▶ **WHAT IS BEING ASKED**:
Your answer should consist of each line from the data below that contains "Corridor".
[[ DATA FOR THIS EXERCISE open ]]
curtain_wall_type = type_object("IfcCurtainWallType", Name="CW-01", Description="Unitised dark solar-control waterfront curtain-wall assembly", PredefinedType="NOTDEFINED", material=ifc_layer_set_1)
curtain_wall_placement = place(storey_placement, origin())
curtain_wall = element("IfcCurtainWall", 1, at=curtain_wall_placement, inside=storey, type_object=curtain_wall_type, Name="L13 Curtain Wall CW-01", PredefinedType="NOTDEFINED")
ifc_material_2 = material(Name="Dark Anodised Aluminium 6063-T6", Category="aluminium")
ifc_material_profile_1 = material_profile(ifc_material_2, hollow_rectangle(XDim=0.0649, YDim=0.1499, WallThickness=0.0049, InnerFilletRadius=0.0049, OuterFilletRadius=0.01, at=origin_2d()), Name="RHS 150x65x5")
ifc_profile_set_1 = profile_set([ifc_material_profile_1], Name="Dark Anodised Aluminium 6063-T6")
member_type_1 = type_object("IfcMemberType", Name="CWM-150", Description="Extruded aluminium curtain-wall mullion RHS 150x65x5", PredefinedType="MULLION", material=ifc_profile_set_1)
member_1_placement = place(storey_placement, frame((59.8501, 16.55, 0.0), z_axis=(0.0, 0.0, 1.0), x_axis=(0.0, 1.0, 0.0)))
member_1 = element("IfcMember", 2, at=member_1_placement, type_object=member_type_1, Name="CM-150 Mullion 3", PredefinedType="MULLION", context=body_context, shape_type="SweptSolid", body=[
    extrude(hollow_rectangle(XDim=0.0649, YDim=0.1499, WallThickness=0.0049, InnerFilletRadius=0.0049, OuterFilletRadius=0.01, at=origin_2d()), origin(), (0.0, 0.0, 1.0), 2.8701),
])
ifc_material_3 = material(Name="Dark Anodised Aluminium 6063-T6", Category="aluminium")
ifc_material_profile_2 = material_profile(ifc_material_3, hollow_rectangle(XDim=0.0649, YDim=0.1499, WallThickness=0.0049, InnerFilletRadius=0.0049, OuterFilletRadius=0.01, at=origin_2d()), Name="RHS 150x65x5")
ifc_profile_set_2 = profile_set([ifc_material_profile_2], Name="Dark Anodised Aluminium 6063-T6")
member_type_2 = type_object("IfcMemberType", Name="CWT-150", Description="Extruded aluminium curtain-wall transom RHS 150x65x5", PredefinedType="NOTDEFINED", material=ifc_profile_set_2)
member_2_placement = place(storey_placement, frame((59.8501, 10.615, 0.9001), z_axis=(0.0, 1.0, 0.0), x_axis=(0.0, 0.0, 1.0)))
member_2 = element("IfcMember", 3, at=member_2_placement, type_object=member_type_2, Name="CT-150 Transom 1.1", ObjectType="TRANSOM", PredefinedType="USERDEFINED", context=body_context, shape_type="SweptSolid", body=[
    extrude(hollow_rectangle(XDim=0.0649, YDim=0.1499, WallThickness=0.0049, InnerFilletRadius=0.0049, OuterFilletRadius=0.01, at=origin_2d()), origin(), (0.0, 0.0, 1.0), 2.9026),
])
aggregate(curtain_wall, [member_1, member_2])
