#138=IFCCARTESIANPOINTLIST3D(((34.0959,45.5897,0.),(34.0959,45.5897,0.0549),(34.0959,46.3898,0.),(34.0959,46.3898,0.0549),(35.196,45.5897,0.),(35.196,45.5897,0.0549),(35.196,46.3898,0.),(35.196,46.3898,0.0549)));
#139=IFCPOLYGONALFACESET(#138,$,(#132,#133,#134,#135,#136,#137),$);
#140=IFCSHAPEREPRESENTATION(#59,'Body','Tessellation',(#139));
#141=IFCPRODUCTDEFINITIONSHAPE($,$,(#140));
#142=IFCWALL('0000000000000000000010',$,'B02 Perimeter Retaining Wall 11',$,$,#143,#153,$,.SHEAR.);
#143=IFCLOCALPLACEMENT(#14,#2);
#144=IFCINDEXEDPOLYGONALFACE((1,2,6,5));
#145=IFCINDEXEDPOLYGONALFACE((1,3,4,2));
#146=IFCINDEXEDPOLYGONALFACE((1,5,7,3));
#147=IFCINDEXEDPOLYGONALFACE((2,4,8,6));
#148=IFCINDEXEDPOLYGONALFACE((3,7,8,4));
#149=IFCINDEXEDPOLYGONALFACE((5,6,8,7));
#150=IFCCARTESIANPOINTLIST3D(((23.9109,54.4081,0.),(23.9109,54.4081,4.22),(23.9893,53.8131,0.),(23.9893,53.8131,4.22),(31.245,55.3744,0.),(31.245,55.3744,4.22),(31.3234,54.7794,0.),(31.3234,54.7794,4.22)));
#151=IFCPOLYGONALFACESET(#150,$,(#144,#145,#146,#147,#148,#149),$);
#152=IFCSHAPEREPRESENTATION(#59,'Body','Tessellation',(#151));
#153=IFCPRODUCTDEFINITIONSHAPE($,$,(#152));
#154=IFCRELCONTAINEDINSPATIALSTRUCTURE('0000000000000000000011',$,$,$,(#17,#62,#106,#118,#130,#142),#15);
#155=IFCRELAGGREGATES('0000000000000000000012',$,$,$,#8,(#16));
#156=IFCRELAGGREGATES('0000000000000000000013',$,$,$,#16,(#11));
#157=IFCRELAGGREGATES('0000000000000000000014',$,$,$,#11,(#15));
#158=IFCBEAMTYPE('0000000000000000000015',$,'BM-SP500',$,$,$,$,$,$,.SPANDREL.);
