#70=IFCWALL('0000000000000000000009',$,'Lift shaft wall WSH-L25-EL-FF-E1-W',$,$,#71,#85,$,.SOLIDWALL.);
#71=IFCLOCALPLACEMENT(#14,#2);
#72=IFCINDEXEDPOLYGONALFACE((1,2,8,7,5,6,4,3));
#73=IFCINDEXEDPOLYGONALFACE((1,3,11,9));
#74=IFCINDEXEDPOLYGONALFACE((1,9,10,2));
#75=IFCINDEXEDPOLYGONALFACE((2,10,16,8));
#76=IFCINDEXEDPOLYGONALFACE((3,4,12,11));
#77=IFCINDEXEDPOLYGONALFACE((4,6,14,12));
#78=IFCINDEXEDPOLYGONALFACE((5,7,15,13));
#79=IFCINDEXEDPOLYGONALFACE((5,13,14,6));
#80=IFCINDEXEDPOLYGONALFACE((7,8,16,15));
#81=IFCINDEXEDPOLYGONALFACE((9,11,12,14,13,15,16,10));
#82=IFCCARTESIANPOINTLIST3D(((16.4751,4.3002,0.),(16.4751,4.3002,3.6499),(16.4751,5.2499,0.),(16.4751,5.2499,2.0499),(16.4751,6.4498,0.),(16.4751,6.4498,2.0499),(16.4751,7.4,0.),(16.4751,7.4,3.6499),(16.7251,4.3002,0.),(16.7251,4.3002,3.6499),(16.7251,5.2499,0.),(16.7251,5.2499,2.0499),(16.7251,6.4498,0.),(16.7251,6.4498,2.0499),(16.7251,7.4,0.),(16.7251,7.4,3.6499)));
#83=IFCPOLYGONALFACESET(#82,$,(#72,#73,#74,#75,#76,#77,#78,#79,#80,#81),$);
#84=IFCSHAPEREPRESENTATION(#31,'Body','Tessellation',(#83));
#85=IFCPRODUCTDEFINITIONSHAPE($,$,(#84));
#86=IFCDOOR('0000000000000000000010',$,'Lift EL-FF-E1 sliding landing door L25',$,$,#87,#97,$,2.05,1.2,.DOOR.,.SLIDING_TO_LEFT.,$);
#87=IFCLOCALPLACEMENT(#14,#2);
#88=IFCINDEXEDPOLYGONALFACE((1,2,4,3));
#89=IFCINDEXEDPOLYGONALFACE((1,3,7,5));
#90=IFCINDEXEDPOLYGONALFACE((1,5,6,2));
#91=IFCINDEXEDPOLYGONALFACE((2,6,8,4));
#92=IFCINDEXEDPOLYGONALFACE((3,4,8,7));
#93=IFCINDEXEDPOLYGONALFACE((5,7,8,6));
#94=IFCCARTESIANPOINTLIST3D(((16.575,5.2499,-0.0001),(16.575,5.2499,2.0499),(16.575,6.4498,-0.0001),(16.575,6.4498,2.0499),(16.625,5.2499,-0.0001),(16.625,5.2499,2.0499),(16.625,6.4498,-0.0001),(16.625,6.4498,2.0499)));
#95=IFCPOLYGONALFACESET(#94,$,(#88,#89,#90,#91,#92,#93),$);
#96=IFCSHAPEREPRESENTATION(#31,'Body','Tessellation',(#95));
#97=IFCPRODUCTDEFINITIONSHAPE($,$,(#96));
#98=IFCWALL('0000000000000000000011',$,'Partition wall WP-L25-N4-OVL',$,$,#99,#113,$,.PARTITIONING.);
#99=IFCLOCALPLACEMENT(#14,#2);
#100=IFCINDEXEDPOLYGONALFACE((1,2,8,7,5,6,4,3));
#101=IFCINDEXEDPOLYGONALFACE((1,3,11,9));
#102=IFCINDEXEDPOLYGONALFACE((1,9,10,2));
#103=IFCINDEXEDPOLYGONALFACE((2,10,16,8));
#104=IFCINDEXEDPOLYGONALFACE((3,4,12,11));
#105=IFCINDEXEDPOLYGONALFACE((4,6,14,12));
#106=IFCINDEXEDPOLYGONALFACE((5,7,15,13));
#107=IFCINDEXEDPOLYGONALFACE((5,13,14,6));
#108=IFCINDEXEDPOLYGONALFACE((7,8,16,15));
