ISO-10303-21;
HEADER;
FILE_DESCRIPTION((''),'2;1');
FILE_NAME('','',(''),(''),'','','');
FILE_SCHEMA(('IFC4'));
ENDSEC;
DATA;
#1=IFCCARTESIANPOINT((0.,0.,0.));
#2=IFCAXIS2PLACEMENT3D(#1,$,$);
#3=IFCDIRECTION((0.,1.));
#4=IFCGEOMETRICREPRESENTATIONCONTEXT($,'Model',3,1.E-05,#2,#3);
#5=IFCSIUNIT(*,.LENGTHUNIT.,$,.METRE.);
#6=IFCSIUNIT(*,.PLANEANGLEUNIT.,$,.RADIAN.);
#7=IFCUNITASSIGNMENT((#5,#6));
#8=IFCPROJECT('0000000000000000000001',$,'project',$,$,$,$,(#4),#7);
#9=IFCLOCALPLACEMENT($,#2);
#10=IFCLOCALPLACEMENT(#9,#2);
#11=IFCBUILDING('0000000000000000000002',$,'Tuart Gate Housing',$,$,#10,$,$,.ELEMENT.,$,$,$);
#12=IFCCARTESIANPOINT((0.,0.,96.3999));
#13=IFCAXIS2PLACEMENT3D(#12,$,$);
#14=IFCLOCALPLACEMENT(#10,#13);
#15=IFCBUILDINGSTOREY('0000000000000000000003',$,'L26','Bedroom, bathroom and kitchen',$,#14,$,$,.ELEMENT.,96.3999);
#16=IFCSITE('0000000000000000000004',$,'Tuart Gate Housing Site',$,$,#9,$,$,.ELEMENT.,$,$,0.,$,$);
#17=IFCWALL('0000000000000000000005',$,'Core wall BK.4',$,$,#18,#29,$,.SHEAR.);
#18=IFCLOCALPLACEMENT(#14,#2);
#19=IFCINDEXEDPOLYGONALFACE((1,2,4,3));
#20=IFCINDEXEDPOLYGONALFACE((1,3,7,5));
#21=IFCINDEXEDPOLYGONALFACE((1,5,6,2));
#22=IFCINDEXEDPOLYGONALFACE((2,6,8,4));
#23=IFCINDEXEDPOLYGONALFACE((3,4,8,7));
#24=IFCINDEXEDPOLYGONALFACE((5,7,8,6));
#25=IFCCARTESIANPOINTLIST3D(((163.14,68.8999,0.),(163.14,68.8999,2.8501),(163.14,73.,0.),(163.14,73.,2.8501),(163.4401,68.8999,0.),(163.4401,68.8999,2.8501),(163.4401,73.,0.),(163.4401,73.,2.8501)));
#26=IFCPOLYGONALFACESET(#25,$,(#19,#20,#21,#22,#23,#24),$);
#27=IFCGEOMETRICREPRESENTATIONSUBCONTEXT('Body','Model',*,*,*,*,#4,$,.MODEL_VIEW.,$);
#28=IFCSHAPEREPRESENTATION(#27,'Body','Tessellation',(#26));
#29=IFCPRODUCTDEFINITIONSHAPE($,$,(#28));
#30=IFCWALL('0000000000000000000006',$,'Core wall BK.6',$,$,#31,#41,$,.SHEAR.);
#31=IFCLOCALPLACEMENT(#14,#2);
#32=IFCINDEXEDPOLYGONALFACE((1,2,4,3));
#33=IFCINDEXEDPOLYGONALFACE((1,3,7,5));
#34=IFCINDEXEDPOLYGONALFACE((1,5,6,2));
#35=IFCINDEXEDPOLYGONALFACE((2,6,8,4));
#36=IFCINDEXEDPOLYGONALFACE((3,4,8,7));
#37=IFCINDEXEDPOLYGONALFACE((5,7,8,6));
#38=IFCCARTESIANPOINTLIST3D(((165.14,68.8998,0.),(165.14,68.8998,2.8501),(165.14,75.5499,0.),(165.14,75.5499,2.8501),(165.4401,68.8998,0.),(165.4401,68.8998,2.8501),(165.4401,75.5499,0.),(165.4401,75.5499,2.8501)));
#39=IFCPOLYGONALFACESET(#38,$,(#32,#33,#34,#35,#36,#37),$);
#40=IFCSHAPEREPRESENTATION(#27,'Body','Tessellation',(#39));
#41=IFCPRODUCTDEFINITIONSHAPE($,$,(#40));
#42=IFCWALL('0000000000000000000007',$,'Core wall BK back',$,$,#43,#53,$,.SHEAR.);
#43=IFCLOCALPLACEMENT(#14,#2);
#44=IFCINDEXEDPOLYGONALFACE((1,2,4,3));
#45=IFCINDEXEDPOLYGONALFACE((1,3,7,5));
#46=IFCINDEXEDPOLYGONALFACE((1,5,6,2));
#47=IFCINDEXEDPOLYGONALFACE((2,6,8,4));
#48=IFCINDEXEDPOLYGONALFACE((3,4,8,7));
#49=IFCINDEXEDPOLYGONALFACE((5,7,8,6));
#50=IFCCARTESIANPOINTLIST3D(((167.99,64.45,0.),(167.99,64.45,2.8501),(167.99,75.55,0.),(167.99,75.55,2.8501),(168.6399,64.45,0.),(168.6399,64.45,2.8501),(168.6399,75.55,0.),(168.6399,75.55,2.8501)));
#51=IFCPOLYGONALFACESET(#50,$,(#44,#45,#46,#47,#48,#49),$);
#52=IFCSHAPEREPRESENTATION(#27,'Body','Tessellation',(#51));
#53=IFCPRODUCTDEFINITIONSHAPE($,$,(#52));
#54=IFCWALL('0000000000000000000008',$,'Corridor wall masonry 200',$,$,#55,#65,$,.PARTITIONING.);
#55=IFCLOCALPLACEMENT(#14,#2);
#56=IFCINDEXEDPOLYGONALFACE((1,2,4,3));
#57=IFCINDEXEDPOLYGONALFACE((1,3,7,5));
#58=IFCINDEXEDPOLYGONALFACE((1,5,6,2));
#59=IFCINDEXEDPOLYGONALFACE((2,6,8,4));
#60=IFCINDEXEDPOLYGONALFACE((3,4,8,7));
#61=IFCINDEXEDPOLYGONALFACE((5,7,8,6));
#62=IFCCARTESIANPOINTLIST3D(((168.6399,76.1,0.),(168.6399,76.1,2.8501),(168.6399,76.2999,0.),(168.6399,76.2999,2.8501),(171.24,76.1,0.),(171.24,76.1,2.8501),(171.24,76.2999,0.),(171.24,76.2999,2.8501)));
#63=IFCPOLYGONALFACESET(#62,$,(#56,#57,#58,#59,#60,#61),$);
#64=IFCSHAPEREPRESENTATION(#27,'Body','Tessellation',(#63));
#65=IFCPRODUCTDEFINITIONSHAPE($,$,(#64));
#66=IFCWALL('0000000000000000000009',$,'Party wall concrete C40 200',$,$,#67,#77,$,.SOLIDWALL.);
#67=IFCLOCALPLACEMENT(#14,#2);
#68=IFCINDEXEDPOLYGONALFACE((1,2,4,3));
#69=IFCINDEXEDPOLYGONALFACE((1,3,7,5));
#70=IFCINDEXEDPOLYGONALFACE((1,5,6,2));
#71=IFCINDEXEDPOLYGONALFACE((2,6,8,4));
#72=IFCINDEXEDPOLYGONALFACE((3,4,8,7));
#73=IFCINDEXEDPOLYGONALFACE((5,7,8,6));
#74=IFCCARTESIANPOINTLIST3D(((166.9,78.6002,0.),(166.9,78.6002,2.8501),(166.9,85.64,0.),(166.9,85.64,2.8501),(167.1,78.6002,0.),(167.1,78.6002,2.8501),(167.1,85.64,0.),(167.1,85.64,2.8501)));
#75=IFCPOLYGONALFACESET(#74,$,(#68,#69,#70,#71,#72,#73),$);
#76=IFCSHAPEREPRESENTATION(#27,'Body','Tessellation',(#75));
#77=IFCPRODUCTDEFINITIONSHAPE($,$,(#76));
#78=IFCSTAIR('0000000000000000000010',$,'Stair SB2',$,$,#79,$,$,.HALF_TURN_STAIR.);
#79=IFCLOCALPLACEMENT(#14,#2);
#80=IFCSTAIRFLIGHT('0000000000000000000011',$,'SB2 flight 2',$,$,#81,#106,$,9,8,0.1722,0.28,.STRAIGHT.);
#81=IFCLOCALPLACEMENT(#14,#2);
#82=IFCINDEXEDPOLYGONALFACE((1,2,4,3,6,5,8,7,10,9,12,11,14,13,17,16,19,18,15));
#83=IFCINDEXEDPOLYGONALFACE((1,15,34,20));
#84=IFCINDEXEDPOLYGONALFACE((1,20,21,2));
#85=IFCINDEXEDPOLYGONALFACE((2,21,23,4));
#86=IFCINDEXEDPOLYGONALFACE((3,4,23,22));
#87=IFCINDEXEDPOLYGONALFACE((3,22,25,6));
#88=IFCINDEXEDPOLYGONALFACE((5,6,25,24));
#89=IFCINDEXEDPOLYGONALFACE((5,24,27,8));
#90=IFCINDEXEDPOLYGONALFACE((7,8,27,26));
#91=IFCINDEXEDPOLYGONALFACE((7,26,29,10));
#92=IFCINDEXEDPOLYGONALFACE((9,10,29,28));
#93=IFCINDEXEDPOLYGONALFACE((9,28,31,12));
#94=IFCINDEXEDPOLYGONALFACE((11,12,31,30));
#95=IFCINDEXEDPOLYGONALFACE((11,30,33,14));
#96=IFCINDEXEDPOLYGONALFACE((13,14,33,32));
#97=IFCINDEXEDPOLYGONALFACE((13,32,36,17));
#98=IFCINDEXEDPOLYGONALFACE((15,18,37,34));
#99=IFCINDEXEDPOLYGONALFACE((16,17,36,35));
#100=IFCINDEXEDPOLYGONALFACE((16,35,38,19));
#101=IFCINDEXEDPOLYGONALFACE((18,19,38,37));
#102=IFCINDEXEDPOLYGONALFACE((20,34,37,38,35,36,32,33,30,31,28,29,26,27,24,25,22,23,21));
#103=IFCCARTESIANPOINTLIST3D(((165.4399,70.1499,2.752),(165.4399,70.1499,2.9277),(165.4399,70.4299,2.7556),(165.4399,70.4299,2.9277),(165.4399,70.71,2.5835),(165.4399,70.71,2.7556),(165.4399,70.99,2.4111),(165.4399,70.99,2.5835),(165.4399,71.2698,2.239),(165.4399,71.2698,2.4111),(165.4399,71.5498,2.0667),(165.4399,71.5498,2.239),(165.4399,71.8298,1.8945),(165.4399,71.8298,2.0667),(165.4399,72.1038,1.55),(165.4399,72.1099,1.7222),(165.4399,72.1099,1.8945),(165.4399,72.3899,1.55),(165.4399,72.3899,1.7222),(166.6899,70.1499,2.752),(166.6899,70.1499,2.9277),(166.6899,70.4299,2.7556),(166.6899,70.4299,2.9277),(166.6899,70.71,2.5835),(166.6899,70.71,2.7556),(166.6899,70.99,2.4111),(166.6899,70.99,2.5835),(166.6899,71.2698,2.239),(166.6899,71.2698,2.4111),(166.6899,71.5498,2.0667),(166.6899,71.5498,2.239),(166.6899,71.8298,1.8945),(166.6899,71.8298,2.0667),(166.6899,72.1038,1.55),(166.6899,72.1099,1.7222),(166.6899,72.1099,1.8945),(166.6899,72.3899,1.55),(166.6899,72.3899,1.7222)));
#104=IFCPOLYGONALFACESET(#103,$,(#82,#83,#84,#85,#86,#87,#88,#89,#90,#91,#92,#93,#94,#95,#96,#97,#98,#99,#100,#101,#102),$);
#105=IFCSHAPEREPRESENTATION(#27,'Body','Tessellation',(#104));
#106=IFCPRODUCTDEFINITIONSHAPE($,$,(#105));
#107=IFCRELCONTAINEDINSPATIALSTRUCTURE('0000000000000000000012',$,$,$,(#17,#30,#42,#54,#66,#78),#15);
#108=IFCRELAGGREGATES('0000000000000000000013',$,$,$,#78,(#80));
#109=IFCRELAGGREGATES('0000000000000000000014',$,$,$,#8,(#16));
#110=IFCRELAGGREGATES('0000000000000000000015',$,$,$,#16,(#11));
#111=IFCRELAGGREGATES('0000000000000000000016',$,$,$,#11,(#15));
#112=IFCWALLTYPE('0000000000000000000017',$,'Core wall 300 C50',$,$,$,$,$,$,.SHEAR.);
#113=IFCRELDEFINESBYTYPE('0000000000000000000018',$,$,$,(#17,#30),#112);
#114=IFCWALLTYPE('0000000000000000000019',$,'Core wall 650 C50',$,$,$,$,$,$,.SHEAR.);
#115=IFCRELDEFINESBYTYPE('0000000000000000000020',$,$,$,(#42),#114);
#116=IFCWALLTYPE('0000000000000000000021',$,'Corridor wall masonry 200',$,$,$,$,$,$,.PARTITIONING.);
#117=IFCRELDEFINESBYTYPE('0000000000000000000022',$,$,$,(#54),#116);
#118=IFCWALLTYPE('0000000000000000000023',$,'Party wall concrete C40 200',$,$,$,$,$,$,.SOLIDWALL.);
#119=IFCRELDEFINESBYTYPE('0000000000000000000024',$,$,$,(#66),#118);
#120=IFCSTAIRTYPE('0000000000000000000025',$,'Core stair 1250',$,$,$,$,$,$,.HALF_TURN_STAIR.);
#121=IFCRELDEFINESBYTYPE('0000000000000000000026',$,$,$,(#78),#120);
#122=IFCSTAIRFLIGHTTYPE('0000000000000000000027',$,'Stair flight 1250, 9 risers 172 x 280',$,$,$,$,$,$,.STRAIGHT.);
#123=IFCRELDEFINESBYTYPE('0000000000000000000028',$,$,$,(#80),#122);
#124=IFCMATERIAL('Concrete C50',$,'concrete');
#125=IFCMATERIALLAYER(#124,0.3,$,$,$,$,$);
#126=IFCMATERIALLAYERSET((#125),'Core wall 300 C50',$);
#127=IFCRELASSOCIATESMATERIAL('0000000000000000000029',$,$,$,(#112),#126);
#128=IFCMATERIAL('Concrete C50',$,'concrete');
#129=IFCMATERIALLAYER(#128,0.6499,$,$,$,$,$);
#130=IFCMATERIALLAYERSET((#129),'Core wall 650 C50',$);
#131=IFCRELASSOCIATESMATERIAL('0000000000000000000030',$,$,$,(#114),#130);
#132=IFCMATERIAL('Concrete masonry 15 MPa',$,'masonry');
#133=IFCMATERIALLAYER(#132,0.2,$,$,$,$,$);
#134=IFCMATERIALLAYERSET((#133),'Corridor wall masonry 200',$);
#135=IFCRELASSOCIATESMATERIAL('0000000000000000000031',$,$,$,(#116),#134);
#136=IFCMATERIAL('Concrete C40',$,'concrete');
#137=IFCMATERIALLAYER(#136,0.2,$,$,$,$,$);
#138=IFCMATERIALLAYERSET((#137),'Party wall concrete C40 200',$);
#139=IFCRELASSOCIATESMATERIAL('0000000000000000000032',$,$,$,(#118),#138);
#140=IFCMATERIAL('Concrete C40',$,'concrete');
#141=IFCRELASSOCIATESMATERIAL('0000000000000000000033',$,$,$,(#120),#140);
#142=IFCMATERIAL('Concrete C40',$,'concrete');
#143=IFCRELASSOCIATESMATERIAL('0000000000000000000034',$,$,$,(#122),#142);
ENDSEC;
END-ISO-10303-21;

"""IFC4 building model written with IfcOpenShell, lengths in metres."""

from ifc_helpers import new_model, si_unit, direction, frame, frame_2d, origin, place, context, subcontext, project, spatial, polyline, rectangle, outline, extrude, material, layer, layer_set, type_object, element, aggregate, save


model = new_model("IFC4")

# Units and contexts
model_context = context("Model", 3, precision=1e-05, world=origin(), true_north=direction((0.0, 1.0)))
body_context = subcontext(model_context, "Body", "Model", "MODEL_VIEW")
ifc_project = project(units=[si_unit("LENGTHUNIT", "METRE"), si_unit("PLANEANGLEUNIT", "RADIAN")], contexts=[model_context])

# Site, building, storey
site_placement = place(None, origin())
site = spatial("IfcSite", under=ifc_project, at=site_placement, Name="Tuart Gate Housing Site", CompositionType="ELEMENT", RefElevation=0.0)
building_placement = place(site_placement, origin())
building = spatial("IfcBuilding", under=site, at=building_placement, Name="Tuart Gate Housing", CompositionType="ELEMENT")
storey_placement = place(building_placement, frame((0.0, 0.0, 96.3999)))
storey = spatial("IfcBuildingStorey", under=building, at=storey_placement, Name="L26", Description="Bedroom, bathroom and kitchen", CompositionType="ELEMENT", Elevation=96.3999)

# Walls
ifc_material_1 = material(Name="Concrete C50", Category="concrete")
ifc_layer_1 = layer(ifc_material_1, 0.3)
ifc_layer_set_1 = layer_set([ifc_layer_1], Name="Core wall 300 C50")
wall_type_1 = type_object("IfcWallType", Name="Core wall 300 C50", PredefinedType="SHEAR", material=ifc_layer_set_1)
wall_1_placement = place(storey_placement, frame((163.29, 73.0, 0.0), z_axis=(0.0, 0.0, 1.0), x_axis=(0.0, -1.0, 0.0)))
element("IfcWall", 1, at=wall_1_placement, inside=storey, type_object=wall_type_1, Name="Core wall BK.4", PredefinedType="SHEAR", context=body_context, shape_type="SweptSolid", body=[
    extrude(rectangle(XDim=4.1001, YDim=0.3, at=frame_2d((2.05, 0.0))), origin(), (0.0, 0.0, 1.0), 2.8501),
])
wall_2_placement = place(storey_placement, frame((165.29, 75.55, 0.0), z_axis=(0.0, 0.0, 1.0), x_axis=(0.0, -1.0, 0.0)))
element("IfcWall", 2, at=wall_2_placement, inside=storey, type_object=wall_type_1, Name="Core wall BK.6", PredefinedType="SHEAR", context=body_context, shape_type="SweptSolid", body=[
    extrude(rectangle(XDim=6.6501, YDim=0.3, at=frame_2d((3.3252, 0.0))), origin(), (0.0, 0.0, 1.0), 2.8501),
])
ifc_material_2 = material(Name="Concrete C50", Category="concrete")
ifc_layer_2 = layer(ifc_material_2, 0.6499)
ifc_layer_set_2 = layer_set([ifc_layer_2], Name="Core wall 650 C50")
wall_type_2 = type_object("IfcWallType", Name="Core wall 650 C50", PredefinedType="SHEAR", material=ifc_layer_set_2)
[[ DATA FOR THIS EXERCISE closed ]]
▶ **TASK SOLUTION**:
#54=IFCWALL('0000000000000000000008',$,'Corridor wall masonry 200',$,$,#55,#65,$,.PARTITIONING.);
#116=IFCWALLTYPE('0000000000000000000021',$,'Corridor wall masonry 200',$,$,$,$,$,$,.PARTITIONING.);
#134=IFCMATERIALLAYERSET((#133),'Corridor wall masonry 200',$);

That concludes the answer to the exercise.